What needs to be done:
Write out exactly the first lines of the listing, ending on the line that contains "#99=IFCINDEXEDPOLYGONALFACE((2,4,8,6));".

Data:
┄┄┄┄┄┄
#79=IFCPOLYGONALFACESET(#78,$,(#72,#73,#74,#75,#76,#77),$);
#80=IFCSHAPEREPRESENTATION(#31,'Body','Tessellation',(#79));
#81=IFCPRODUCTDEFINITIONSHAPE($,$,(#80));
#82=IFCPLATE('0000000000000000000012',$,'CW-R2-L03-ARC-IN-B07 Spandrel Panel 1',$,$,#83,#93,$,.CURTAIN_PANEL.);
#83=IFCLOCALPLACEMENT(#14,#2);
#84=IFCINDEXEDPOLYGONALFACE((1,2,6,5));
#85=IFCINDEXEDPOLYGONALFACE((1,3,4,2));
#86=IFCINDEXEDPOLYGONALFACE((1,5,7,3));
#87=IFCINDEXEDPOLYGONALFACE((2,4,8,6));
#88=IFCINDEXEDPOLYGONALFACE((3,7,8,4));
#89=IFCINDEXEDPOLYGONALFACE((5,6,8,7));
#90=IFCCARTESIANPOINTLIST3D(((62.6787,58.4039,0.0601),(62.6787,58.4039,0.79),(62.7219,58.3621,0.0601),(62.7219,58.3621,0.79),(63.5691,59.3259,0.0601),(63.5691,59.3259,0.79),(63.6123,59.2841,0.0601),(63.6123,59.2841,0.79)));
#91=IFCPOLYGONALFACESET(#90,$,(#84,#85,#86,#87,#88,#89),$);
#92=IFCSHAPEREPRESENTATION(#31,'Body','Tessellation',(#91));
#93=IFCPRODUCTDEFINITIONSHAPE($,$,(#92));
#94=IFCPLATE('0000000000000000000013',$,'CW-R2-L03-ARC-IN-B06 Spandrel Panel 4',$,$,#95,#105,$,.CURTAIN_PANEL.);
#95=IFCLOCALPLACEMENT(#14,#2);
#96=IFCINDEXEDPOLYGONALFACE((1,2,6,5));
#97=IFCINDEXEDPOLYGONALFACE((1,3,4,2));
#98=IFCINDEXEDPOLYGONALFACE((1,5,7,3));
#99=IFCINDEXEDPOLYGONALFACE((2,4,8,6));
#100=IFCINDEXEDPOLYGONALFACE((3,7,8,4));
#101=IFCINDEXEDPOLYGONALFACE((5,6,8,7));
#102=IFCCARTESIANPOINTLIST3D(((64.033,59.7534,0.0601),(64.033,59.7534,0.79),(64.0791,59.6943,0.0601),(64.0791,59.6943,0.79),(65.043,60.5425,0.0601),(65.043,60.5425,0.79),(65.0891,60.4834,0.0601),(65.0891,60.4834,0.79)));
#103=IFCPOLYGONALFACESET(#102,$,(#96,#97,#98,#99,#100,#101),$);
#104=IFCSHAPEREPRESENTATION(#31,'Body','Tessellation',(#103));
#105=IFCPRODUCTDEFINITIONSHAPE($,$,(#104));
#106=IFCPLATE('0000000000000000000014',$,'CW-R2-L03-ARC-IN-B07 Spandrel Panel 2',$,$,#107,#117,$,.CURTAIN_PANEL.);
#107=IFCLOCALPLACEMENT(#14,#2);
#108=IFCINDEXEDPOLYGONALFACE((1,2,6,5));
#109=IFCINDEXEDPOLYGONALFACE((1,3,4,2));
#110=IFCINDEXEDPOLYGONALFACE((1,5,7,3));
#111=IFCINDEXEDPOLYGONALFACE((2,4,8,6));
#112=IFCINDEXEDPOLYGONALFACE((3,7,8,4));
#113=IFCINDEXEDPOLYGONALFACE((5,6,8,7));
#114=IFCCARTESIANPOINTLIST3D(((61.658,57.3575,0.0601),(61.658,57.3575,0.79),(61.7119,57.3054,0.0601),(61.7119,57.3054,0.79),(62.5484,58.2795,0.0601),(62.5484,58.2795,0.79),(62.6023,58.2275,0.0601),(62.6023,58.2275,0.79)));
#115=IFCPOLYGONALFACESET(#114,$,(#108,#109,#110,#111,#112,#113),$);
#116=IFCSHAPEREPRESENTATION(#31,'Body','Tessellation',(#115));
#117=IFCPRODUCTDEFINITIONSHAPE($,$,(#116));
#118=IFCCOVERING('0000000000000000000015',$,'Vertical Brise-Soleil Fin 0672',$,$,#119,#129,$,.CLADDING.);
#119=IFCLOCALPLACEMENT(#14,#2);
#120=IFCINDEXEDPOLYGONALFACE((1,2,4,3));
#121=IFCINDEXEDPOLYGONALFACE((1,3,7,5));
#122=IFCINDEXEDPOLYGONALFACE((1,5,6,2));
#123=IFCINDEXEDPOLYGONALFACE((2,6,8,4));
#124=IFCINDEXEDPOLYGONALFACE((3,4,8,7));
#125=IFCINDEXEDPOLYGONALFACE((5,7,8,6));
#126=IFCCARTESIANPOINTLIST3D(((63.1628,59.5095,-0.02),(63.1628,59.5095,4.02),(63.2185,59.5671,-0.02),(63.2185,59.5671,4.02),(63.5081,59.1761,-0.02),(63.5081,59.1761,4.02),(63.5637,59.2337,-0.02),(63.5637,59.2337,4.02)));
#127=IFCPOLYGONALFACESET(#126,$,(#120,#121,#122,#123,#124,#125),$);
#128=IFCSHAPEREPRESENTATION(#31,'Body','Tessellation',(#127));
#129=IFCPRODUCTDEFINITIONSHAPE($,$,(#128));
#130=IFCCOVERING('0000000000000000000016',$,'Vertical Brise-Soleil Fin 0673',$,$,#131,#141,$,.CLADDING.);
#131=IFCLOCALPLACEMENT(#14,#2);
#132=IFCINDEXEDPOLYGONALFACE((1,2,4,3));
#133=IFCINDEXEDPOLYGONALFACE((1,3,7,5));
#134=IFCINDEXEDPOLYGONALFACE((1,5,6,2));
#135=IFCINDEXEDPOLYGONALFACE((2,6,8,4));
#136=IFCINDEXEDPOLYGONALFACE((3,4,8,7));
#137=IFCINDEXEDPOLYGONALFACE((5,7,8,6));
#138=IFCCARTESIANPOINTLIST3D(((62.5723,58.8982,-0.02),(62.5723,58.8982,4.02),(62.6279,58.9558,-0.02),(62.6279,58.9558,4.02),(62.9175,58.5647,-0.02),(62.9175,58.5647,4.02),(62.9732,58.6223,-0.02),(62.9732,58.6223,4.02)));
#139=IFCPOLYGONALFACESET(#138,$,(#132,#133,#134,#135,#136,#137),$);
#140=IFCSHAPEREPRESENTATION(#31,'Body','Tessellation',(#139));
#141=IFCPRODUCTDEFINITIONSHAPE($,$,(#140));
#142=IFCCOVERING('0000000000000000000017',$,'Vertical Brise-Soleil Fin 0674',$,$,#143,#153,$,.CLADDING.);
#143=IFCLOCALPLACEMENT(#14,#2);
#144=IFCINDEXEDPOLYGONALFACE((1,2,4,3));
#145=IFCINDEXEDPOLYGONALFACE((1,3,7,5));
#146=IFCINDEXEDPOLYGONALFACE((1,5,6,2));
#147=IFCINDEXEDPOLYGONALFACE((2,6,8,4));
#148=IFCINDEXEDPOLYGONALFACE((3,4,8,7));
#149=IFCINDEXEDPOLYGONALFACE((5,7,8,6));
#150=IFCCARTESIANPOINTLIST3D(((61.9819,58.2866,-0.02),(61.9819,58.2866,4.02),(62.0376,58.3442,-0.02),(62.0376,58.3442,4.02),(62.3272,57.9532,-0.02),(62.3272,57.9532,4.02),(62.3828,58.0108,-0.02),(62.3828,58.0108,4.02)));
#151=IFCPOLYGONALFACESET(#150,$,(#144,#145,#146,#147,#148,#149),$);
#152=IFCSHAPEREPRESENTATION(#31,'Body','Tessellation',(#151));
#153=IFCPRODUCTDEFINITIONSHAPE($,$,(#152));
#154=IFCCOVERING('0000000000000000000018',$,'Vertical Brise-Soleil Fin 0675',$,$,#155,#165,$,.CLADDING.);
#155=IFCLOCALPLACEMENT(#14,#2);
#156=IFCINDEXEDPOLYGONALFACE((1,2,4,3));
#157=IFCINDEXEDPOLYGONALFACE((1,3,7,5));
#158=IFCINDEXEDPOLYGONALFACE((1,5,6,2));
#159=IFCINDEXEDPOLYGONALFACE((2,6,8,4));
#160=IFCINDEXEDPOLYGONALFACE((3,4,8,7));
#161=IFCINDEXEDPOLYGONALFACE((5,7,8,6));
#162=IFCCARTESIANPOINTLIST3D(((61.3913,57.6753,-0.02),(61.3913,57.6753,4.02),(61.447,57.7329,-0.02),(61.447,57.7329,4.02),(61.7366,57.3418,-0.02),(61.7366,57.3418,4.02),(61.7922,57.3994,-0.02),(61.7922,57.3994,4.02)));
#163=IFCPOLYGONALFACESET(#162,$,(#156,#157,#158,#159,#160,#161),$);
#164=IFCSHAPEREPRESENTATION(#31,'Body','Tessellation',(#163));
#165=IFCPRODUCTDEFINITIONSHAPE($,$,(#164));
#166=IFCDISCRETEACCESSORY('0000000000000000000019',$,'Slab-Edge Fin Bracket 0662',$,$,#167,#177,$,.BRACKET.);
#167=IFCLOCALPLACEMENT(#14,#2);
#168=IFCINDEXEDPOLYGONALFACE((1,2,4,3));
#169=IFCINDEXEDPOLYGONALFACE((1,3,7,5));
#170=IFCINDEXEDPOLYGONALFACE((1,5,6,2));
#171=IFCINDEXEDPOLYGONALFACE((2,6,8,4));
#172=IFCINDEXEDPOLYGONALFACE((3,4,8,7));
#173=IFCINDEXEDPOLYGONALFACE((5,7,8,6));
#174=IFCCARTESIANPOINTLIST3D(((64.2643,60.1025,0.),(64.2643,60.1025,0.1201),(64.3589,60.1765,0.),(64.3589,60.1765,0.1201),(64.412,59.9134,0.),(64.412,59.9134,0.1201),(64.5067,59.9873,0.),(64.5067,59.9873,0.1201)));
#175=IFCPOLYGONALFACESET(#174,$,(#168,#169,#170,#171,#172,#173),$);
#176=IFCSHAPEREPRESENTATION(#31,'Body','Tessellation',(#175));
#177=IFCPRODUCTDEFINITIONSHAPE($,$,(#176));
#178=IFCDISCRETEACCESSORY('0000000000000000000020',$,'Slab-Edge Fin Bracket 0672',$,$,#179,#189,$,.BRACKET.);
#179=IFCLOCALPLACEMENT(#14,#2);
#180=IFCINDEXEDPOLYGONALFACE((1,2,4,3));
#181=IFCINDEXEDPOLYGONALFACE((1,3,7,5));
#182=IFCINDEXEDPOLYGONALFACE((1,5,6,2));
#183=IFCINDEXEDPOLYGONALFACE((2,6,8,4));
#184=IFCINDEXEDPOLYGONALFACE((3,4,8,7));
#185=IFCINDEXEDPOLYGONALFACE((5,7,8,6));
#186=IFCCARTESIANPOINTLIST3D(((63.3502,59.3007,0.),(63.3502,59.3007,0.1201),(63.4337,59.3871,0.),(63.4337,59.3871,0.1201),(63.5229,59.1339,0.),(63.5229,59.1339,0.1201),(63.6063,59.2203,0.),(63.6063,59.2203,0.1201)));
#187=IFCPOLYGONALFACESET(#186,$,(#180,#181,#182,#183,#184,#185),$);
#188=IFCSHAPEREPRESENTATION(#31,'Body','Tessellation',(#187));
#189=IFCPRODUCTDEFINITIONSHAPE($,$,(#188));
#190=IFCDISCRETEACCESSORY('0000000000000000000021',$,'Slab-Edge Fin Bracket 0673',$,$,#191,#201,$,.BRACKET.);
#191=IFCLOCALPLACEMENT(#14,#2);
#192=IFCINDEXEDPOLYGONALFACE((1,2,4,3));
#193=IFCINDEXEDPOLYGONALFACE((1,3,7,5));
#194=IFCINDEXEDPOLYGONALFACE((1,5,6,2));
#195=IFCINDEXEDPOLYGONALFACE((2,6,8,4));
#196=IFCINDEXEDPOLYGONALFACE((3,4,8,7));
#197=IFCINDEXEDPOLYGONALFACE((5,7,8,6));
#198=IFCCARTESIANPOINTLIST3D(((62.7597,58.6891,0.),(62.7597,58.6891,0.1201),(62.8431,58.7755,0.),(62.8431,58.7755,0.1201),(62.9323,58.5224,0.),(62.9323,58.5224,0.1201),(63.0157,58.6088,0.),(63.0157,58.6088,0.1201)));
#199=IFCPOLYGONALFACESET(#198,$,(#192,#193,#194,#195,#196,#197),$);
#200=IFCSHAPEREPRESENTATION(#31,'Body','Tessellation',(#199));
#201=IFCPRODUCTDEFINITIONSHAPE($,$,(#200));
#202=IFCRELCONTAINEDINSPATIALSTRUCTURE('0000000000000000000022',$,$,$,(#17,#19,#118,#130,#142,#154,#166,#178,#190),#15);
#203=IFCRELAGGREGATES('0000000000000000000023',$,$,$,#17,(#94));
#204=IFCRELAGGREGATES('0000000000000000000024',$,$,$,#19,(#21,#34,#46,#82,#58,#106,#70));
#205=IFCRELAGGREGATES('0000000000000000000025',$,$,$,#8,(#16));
┄┄┄┄┄┄
Task answer:
#79=IFCPOLYGONALFACESET(#78,$,(#72,#73,#74,#75,#76,#77),$);
#80=IFCSHAPEREPRESENTATION(#31,'Body','Tessellation',(#79));
#81=IFCPRODUCTDEFINITIONSHAPE($,$,(#80));
#82=IFCPLATE('0000000000000000000012',$,'CW-R2-L03-ARC-IN-B07 Spandrel Panel 1',$,$,#83,#93,$,.CURTAIN_PANEL.);
#83=IFCLOCALPLACEMENT(#14,#2);
#84=IFCINDEXEDPOLYGONALFACE((1,2,6,5));
#85=IFCINDEXEDPOLYGONALFACE((1,3,4,2));
#86=IFCINDEXEDPOLYGONALFACE((1,5,7,3));
#87=IFCINDEXEDPOLYGONALFACE((2,4,8,6));
#88=IFCINDEXEDPOLYGONALFACE((3,7,8,4));
#89=IFCINDEXEDPOLYGONALFACE((5,6,8,7));
#90=IFCCARTESIANPOINTLIST3D(((62.6787,58.4039,0.0601),(62.6787,58.4039,0.79),(62.7219,58.3621,0.0601),(62.7219,58.3621,0.79),(63.5691,59.3259,0.0601),(63.5691,59.3259,0.79),(63.6123,59.2841,0.0601),(63.6123,59.2841,0.79)));
#91=IFCPOLYGONALFACESET(#90,$,(#84,#85,#86,#87,#88,#89),$);
#92=IFCSHAPEREPRESENTATION(#31,'Body','Tessellation',(#91));
#93=IFCPRODUCTDEFINITIONSHAPE($,$,(#92));
#94=IFCPLATE('0000000000000000000013',$,'CW-R2-L03-ARC-IN-B06 Spandrel Panel 4',$,$,#95,#105,$,.CURTAIN_PANEL.);
#95=IFCLOCALPLACEMENT(#14,#2);
#96=IFCINDEXEDPOLYGONALFACE((1,2,6,5));
#97=IFCINDEXEDPOLYGONALFACE((1,3,4,2));
#98=IFCINDEXEDPOLYGONALFACE((1,5,7,3));
#99=IFCINDEXEDPOLYGONALFACE((2,4,8,6));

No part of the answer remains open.